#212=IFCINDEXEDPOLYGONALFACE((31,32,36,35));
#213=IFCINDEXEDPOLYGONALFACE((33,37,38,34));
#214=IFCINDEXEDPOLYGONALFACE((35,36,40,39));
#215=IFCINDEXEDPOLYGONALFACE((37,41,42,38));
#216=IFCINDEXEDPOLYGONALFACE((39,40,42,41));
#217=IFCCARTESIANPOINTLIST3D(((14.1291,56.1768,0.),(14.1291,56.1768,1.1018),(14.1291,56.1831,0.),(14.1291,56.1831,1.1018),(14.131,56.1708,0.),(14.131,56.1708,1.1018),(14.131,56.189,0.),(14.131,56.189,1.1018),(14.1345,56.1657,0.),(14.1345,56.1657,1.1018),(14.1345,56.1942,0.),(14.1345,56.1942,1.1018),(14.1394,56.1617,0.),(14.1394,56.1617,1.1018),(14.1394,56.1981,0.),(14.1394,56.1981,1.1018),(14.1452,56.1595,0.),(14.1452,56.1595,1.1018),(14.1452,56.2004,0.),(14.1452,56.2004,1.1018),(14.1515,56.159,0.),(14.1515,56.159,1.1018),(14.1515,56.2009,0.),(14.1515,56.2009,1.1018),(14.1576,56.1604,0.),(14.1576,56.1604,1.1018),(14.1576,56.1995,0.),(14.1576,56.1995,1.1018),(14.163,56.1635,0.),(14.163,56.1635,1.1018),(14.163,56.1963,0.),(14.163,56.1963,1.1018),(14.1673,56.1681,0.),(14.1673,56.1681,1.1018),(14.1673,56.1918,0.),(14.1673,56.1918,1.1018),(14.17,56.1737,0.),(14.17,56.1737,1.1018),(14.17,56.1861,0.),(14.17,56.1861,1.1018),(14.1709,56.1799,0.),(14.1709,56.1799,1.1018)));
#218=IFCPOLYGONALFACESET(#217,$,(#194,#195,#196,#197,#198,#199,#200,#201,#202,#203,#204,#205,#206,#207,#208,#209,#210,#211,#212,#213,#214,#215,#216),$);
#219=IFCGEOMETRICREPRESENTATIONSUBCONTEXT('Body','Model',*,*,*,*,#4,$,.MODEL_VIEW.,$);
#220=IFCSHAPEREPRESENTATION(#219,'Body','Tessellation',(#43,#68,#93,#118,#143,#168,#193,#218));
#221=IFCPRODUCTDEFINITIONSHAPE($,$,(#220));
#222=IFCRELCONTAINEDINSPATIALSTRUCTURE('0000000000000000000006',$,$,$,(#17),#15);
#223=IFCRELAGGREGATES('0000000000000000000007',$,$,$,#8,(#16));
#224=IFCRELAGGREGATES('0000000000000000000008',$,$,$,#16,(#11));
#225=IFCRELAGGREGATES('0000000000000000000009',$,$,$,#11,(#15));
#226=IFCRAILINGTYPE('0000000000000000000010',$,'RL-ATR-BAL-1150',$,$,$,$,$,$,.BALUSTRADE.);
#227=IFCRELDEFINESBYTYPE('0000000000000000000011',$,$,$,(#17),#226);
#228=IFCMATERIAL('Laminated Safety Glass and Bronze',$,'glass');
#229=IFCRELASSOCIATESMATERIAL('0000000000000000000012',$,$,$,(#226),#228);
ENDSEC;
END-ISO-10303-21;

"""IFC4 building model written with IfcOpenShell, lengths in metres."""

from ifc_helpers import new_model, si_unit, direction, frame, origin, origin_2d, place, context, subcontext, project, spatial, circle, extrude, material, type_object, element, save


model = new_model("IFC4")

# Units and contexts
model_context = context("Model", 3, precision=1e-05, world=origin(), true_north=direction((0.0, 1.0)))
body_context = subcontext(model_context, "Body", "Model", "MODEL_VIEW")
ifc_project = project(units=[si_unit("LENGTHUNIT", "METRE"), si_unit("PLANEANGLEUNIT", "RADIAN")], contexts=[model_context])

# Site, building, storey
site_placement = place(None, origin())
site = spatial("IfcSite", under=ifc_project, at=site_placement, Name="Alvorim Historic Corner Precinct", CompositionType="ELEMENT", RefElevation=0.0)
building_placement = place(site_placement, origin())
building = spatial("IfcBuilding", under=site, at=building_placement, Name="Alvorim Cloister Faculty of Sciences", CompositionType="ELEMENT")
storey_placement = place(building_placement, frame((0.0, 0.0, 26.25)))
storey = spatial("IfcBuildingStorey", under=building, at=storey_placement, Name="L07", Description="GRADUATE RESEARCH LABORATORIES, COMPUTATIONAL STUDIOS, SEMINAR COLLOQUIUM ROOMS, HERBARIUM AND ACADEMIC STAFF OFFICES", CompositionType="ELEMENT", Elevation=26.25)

------------------------------------

** Directions for this task **
Copy out exactly the line that holds "site_placement = place(None, origin())" and all remaining lines of the listing, both the first and the last included.

** Task result **
site_placement = place(None, origin())
site = spatial("IfcSite", under=ifc_project, at=site_placement, Name="Alvorim Historic Corner Precinct", CompositionType="ELEMENT", RefElevation=0.0)
building_placement = place(site_placement, origin())
building = spatial("IfcBuilding", under=site, at=building_placement, Name="Alvorim Cloister Faculty of Sciences", CompositionType="ELEMENT")
storey_placement = place(building_placement, frame((0.0, 0.0, 26.25)))
storey = spatial("IfcBuildingStorey", under=building, at=storey_placement, Name="L07", Description="GRADUATE RESEARCH LABORATORIES, COMPUTATIONAL STUDIOS, SEMINAR COLLOQUIUM ROOMS, HERBARIUM AND ACADEMIC STAFF OFFICES", CompositionType="ELEMENT", Elevation=26.25)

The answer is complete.